▶ [What to do]
Transcribe all of the data, leaving nothing out and changing nothing.

▶ [Data provided]
- Opening Delimiter -
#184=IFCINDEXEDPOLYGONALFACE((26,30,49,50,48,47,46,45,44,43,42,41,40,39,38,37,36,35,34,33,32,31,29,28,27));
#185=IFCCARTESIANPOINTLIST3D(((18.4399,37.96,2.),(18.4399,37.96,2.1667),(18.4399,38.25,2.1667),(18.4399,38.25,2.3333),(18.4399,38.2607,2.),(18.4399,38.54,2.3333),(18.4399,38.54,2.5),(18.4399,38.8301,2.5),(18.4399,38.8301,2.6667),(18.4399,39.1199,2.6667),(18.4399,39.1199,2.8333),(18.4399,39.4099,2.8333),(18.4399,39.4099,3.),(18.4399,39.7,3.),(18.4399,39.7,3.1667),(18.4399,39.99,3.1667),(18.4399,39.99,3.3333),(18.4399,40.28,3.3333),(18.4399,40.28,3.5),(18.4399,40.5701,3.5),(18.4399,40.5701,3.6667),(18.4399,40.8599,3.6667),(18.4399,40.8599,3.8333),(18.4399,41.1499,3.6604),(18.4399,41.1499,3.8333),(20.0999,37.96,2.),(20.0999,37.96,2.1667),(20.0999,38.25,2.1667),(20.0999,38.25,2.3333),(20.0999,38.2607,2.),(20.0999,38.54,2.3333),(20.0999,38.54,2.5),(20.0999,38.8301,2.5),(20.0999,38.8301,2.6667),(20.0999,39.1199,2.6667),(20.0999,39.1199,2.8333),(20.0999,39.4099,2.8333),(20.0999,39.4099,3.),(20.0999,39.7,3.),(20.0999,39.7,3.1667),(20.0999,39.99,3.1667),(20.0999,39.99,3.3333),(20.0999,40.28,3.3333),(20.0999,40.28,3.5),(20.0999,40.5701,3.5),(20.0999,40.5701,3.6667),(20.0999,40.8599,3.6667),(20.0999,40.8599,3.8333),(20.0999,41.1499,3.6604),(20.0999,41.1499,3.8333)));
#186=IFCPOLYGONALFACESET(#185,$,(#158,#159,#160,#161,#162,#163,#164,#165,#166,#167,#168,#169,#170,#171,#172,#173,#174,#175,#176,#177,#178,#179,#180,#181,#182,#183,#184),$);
- Closing Delimiter -
▶ [Answer section]
#184=IFCINDEXEDPOLYGONALFACE((26,30,49,50,48,47,46,45,44,43,42,41,40,39,38,37,36,35,34,33,32,31,29,28,27));
#185=IFCCARTESIANPOINTLIST3D(((18.4399,37.96,2.),(18.4399,37.96,2.1667),(18.4399,38.25,2.1667),(18.4399,38.25,2.3333),(18.4399,38.2607,2.),(18.4399,38.54,2.3333),(18.4399,38.54,2.5),(18.4399,38.8301,2.5),(18.4399,38.8301,2.6667),(18.4399,39.1199,2.6667),(18.4399,39.1199,2.8333),(18.4399,39.4099,2.8333),(18.4399,39.4099,3.),(18.4399,39.7,3.),(18.4399,39.7,3.1667),(18.4399,39.99,3.1667),(18.4399,39.99,3.3333),(18.4399,40.28,3.3333),(18.4399,40.28,3.5),(18.4399,40.5701,3.5),(18.4399,40.5701,3.6667),(18.4399,40.8599,3.6667),(18.4399,40.8599,3.8333),(18.4399,41.1499,3.6604),(18.4399,41.1499,3.8333),(20.0999,37.96,2.),(20.0999,37.96,2.1667),(20.0999,38.25,2.1667),(20.0999,38.25,2.3333),(20.0999,38.2607,2.),(20.0999,38.54,2.3333),(20.0999,38.54,2.5),(20.0999,38.8301,2.5),(20.0999,38.8301,2.6667),(20.0999,39.1199,2.6667),(20.0999,39.1199,2.8333),(20.0999,39.4099,2.8333),(20.0999,39.4099,3.),(20.0999,39.7,3.),(20.0999,39.7,3.1667),(20.0999,39.99,3.1667),(20.0999,39.99,3.3333),(20.0999,40.28,3.3333),(20.0999,40.28,3.5),(20.0999,40.5701,3.5),(20.0999,40.5701,3.6667),(20.0999,40.8599,3.6667),(20.0999,40.8599,3.8333),(20.0999,41.1499,3.6604),(20.0999,41.1499,3.8333)));
#186=IFCPOLYGONALFACESET(#185,$,(#158,#159,#160,#161,#162,#163,#164,#165,#166,#167,#168,#169,#170,#171,#172,#173,#174,#175,#176,#177,#178,#179,#180,#181,#182,#183,#184),$);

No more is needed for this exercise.